# YOUR INSTRUCTIONS
Say how many lines in the entries contain "IFCSHAPEREPRESENTATION", giving only the number.

(Dataset entries)
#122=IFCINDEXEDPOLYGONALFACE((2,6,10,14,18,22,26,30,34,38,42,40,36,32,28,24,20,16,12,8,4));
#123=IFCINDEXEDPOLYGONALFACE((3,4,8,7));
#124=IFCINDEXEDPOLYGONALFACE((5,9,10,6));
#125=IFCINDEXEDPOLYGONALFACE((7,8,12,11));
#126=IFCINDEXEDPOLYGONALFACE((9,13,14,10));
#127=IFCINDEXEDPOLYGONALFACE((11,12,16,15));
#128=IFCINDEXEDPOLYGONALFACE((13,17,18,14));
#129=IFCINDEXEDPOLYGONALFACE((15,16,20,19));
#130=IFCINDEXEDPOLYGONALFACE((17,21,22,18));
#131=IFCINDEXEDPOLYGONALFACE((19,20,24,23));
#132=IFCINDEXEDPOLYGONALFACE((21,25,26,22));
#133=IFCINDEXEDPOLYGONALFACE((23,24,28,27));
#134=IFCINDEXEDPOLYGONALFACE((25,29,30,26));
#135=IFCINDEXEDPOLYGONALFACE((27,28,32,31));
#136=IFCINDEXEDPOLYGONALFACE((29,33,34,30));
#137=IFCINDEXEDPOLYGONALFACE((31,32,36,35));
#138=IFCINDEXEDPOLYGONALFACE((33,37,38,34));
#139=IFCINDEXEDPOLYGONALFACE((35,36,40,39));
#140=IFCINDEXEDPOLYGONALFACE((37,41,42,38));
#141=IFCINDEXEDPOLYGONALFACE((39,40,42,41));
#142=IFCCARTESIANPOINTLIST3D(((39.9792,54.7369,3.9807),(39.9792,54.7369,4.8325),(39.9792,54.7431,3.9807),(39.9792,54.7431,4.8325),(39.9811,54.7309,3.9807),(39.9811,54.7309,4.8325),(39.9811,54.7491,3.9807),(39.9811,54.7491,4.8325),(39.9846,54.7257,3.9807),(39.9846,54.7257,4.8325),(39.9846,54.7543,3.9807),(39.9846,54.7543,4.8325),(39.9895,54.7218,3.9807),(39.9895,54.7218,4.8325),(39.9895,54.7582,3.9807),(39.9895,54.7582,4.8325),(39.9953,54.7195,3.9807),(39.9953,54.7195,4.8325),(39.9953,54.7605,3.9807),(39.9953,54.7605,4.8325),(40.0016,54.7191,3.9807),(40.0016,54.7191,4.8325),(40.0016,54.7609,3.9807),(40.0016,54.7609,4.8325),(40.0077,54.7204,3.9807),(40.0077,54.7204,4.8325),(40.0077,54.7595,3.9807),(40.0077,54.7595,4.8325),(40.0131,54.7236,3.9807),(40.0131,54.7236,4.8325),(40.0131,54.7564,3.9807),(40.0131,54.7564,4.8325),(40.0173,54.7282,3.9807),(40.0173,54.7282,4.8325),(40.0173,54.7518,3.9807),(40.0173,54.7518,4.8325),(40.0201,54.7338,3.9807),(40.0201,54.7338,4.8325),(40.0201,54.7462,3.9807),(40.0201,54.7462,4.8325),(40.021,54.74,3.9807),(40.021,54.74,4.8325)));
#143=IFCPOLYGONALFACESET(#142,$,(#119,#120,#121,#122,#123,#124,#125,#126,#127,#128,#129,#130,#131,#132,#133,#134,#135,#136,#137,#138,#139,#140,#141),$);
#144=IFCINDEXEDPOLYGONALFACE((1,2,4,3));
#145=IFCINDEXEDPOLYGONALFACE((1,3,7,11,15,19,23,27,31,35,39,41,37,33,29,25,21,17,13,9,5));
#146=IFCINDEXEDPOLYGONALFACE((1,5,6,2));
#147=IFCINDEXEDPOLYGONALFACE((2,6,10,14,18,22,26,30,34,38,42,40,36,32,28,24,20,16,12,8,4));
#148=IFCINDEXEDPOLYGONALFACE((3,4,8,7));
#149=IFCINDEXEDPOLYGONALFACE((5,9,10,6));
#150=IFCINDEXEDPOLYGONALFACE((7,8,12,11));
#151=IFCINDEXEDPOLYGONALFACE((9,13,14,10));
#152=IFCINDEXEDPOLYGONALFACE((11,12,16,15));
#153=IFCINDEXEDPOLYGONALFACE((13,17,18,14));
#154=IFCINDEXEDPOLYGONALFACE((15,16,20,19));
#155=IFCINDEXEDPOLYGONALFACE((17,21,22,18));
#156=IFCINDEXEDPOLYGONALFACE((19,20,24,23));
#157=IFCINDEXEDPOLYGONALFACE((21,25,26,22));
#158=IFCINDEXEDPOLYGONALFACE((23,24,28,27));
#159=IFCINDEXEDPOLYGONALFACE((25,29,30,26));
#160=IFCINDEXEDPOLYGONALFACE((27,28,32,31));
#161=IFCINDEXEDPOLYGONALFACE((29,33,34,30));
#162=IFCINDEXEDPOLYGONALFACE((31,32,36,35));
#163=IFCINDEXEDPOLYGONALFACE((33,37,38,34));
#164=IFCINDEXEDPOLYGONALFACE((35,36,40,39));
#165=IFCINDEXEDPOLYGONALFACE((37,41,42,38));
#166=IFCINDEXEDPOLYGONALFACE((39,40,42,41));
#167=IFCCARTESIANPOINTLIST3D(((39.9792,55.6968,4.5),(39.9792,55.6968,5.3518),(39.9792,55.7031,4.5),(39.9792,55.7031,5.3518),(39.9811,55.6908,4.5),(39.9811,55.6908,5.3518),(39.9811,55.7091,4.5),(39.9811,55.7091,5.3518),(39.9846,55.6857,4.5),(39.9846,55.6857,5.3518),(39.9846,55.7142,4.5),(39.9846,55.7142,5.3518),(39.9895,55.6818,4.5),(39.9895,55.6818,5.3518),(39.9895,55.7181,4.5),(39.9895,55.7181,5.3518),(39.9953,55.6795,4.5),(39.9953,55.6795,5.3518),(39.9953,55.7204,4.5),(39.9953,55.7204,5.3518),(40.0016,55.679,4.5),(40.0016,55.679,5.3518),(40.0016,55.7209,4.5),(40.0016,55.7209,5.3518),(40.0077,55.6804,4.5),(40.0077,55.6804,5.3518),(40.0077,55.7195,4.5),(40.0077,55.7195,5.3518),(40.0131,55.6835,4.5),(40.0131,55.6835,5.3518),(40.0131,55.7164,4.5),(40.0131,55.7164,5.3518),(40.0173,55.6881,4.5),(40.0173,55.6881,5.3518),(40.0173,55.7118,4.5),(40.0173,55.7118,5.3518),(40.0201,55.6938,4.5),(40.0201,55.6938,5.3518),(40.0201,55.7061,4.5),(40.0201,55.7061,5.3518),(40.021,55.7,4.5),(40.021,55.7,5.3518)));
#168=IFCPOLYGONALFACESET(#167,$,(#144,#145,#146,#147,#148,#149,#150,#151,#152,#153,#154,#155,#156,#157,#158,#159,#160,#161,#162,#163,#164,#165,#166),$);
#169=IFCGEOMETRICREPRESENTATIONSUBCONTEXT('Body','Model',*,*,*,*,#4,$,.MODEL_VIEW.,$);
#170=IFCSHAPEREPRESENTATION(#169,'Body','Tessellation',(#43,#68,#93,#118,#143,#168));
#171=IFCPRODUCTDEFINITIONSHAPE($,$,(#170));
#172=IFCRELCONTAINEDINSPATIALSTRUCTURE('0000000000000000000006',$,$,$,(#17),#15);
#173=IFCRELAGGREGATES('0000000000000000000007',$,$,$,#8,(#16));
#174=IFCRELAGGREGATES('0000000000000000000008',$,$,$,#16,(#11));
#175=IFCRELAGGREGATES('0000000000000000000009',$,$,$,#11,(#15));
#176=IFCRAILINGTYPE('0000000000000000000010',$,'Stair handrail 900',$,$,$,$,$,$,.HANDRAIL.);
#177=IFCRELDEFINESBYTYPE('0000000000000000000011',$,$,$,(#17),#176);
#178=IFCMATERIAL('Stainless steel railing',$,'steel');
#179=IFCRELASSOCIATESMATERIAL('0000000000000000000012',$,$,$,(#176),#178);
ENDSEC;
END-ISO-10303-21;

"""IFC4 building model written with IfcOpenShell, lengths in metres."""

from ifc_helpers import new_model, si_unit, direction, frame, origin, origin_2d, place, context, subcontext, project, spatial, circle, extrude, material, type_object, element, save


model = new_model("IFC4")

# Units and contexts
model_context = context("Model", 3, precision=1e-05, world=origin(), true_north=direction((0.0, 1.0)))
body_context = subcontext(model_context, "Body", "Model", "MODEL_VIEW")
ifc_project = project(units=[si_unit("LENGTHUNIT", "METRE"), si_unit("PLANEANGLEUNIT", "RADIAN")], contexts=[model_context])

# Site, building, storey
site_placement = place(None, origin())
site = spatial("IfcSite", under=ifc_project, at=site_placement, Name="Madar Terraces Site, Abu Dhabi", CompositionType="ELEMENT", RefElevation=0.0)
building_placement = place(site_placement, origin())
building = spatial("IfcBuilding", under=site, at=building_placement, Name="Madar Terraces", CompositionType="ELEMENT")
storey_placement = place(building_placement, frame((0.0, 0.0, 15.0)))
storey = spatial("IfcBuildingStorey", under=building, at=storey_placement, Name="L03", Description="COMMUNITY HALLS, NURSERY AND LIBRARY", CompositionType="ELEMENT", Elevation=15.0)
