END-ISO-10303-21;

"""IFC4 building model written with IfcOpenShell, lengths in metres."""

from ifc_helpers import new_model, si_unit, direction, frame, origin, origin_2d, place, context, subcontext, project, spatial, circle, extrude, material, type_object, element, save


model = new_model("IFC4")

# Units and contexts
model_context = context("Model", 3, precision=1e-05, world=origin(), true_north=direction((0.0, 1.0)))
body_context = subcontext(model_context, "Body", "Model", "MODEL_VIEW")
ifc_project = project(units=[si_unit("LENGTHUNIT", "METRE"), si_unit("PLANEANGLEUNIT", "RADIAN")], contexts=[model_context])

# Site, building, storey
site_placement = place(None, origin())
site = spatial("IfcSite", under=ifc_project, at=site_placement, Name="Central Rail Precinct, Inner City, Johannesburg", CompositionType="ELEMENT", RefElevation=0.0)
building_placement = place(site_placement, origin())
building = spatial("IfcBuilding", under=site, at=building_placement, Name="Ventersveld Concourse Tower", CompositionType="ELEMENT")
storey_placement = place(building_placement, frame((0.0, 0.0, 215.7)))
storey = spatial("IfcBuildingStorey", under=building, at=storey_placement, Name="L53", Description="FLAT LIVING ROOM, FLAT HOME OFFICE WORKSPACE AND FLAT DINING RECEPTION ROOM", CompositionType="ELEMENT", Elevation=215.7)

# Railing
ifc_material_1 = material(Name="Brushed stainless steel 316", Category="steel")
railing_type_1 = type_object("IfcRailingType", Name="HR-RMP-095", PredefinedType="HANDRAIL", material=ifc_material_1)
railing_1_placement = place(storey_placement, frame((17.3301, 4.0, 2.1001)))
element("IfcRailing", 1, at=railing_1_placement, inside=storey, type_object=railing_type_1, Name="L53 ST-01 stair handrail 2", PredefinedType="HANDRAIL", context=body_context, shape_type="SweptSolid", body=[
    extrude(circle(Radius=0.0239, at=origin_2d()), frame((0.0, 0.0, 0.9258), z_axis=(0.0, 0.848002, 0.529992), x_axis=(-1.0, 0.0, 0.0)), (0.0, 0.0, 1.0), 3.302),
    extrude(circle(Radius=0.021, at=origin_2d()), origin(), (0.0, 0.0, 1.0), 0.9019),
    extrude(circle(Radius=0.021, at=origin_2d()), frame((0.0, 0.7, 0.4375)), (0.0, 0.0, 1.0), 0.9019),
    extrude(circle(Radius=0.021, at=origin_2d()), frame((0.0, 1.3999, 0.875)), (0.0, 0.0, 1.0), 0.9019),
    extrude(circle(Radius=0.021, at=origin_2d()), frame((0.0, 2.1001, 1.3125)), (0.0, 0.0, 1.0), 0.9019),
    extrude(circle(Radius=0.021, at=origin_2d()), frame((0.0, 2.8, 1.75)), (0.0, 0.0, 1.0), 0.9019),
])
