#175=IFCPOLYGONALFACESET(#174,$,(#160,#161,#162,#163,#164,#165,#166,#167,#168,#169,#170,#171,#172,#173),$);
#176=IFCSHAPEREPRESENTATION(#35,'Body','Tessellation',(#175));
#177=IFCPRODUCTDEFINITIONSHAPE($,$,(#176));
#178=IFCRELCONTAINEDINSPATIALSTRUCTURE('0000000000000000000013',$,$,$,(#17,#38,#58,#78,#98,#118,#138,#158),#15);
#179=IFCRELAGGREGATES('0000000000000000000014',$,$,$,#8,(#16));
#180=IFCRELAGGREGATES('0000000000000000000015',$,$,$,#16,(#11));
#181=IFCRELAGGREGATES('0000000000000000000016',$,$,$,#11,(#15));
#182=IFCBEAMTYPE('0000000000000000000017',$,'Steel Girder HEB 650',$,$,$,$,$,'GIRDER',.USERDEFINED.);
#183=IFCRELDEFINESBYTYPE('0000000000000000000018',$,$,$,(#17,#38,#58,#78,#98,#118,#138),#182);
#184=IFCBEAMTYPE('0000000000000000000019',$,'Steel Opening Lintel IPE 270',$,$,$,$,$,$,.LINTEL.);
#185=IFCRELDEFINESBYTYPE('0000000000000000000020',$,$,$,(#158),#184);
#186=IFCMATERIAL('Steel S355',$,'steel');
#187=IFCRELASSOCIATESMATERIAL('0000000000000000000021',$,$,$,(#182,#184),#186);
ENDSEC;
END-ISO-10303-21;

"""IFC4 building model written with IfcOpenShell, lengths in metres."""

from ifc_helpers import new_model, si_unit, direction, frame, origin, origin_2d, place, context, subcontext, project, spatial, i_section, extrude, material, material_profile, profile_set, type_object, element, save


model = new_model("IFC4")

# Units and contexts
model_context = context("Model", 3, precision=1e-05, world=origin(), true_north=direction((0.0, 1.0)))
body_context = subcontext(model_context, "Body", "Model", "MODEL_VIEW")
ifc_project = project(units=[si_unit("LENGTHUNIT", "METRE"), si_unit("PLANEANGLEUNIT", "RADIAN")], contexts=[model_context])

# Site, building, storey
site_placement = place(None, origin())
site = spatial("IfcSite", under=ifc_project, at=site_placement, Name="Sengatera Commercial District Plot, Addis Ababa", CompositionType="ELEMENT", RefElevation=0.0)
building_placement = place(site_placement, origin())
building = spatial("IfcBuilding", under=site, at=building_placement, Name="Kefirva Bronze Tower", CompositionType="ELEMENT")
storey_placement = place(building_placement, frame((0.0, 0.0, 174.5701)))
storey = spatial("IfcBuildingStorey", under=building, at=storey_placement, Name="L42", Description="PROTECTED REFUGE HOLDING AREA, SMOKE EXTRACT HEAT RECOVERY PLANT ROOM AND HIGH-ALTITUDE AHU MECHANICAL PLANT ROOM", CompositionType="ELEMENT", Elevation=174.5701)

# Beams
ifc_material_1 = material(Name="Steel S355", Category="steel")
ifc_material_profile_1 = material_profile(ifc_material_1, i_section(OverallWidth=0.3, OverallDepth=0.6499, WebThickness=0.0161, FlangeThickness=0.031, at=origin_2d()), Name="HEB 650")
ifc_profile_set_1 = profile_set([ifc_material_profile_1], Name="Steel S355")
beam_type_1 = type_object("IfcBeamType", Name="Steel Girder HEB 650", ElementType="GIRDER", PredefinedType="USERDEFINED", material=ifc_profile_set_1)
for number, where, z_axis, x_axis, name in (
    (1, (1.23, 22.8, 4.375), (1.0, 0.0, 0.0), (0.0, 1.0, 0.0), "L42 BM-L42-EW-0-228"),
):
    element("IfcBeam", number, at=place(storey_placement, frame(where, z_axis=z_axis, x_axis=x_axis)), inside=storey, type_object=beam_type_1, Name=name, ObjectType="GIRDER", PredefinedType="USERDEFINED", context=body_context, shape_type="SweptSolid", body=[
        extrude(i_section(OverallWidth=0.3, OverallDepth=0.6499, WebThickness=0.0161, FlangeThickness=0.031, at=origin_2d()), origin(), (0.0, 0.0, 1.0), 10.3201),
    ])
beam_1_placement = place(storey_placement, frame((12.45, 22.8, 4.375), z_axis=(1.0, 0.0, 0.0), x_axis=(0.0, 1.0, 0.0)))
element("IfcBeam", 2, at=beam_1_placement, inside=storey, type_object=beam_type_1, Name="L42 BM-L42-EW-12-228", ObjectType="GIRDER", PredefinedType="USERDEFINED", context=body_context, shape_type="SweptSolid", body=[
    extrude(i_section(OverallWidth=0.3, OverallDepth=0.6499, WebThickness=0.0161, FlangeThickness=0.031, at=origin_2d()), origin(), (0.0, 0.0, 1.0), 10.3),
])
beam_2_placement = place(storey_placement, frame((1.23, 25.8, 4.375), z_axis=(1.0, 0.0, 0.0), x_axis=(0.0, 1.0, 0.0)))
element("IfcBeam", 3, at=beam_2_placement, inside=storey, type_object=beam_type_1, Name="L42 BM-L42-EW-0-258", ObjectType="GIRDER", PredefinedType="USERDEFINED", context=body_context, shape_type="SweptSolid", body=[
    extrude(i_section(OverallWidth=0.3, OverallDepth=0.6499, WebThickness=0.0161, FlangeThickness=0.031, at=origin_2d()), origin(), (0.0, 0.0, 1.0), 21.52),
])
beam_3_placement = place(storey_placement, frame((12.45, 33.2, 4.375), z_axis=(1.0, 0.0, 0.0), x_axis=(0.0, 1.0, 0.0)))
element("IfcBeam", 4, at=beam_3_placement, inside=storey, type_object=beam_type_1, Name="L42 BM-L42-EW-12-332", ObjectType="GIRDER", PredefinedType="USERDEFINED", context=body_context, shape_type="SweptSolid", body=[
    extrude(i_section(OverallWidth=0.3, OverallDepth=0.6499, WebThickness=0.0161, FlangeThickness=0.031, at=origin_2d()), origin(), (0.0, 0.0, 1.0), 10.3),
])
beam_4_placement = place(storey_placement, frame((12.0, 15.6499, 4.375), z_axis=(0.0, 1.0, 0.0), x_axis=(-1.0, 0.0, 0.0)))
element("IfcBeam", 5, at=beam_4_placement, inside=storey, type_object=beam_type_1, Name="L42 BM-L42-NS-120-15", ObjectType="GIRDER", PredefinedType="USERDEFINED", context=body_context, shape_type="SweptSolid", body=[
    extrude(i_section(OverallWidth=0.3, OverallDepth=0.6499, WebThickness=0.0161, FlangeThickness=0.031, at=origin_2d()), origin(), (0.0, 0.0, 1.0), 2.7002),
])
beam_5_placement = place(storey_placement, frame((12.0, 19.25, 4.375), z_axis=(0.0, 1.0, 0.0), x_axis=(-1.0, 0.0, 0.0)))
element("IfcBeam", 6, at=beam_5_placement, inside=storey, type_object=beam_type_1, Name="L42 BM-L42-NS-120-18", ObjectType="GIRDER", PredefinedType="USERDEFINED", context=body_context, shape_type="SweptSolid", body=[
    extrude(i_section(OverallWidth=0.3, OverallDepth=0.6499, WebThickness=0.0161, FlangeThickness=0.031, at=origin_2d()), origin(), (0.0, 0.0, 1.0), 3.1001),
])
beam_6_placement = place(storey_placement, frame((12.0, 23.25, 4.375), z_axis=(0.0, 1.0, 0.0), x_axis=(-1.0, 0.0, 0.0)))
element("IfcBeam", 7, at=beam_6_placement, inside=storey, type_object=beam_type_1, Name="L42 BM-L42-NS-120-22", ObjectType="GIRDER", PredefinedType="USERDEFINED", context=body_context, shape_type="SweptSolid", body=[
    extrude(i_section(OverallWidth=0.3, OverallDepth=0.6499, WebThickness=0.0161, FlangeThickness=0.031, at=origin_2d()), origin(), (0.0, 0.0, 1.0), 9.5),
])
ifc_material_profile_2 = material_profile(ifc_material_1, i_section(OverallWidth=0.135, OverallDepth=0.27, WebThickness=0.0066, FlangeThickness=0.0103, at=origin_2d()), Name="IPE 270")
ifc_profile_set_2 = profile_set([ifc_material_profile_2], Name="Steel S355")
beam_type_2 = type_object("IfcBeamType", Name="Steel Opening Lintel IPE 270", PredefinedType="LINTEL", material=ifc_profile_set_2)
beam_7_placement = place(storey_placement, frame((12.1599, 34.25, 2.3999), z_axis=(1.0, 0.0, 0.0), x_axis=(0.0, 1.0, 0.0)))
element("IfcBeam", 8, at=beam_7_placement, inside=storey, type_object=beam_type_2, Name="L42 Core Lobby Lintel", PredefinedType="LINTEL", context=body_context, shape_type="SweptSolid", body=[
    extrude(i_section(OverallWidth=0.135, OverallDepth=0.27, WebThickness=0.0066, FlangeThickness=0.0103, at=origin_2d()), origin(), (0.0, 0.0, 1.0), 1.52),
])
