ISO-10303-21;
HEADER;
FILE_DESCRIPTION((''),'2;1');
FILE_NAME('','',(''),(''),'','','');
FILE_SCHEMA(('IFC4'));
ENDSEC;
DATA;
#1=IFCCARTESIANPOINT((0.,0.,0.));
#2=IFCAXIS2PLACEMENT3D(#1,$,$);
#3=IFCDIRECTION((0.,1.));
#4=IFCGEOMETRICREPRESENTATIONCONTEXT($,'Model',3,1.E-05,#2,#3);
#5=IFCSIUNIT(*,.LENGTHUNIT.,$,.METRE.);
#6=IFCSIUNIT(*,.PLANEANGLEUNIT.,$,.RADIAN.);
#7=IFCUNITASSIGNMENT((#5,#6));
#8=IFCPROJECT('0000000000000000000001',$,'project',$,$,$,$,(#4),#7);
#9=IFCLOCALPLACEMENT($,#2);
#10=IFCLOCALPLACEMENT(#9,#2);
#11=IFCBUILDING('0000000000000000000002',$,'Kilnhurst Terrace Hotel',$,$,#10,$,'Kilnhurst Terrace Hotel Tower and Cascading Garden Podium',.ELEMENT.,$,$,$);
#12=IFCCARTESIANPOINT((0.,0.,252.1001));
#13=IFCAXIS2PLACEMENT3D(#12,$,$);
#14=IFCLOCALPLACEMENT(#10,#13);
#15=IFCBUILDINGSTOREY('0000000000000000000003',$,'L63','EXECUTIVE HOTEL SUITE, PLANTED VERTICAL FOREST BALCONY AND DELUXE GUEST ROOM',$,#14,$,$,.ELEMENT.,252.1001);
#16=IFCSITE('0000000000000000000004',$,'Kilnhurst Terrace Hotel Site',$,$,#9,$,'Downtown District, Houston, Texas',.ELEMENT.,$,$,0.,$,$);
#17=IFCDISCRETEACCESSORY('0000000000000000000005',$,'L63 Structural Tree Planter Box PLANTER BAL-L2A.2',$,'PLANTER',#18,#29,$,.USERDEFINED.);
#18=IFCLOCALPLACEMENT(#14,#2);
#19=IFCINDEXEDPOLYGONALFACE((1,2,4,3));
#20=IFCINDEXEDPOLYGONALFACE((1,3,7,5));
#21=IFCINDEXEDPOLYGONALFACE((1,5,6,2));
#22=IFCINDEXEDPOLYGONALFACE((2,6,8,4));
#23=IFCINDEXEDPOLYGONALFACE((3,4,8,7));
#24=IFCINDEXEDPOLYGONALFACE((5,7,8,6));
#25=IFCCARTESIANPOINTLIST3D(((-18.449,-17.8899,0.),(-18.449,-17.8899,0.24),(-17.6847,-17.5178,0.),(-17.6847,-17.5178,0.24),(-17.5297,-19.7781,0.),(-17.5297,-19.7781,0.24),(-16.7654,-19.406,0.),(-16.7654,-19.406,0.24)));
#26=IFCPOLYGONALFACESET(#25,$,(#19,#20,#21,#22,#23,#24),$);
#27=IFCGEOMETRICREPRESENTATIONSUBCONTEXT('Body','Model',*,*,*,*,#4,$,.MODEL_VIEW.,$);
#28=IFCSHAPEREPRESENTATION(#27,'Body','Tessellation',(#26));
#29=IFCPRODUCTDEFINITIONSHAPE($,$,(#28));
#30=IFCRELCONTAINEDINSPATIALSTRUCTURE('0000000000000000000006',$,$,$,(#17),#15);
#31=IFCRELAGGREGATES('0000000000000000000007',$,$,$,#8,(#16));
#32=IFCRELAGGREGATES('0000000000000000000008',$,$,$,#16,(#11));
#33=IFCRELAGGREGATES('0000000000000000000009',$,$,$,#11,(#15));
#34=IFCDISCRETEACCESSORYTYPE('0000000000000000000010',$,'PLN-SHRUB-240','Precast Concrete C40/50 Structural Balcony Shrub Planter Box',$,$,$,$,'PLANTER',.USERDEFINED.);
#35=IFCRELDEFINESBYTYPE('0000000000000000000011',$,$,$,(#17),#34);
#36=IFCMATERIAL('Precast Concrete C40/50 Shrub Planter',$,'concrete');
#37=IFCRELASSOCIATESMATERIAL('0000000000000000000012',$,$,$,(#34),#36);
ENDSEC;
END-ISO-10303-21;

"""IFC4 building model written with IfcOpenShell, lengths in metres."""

from ifc_helpers import new_model, si_unit, direction, frame, origin, origin_2d, place, context, subcontext, project, spatial, rectangle, extrude, material, type_object, element, save


model = new_model("IFC4")

# Units and contexts
model_context = context("Model", 3, precision=1e-05, world=origin(), true_north=direction((0.0, 1.0)))
body_context = subcontext(model_context, "Body", "Model", "MODEL_VIEW")
ifc_project = project(units=[si_unit("LENGTHUNIT", "METRE"), si_unit("PLANEANGLEUNIT", "RADIAN")], contexts=[model_context])

# Site, building, storey
site_placement = place(None, origin())
site = spatial("IfcSite", under=ifc_project, at=site_placement, Name="Kilnhurst Terrace Hotel Site", LongName="Downtown District, Houston, Texas", CompositionType="ELEMENT", RefElevation=0.0)
building_placement = place(site_placement, origin())
building = spatial("IfcBuilding", under=site, at=building_placement, Name="Kilnhurst Terrace Hotel", LongName="Kilnhurst Terrace Hotel Tower and Cascading Garden Podium", CompositionType="ELEMENT")
storey_placement = place(building_placement, frame((0.0, 0.0, 252.1001)))
storey = spatial("IfcBuildingStorey", under=building, at=storey_placement, Name="L63", Description="EXECUTIVE HOTEL SUITE, PLANTED VERTICAL FOREST BALCONY AND DELUXE GUEST ROOM", CompositionType="ELEMENT", Elevation=252.1001)

# Discrete accessory
ifc_material_1 = material(Name="Precast Concrete C40/50 Shrub Planter", Category="concrete")
discrete_accessory_type = type_object("IfcDiscreteAccessoryType", Name="PLN-SHRUB-240", Description="Precast Concrete C40/50 Structural Balcony Shrub Planter Box", ElementType="PLANTER", PredefinedType="USERDEFINED", material=ifc_material_1)
discrete_accessory_placement = place(storey_placement, frame((-17.6072, -18.6479, 0.0), z_axis=(0.0, 0.0, 1.0), x_axis=(0.437744, -0.8991, 0.0)))
element("IfcDiscreteAccessory", 1, at=discrete_accessory_placement, inside=storey, type_object=discrete_accessory_type, Name="L63 Structural Tree Planter Box PLANTER BAL-L2A.2", ObjectType="PLANTER", PredefinedType="USERDEFINED", context=body_context, shape_type="SweptSolid", body=[
    extrude(rectangle(XDim=2.1001, YDim=0.8501, at=origin_2d()), origin(), (0.0, 0.0, 1.0), 0.24),
])

save(model, "model.ifc")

# RESULT FOR THIS TASK
3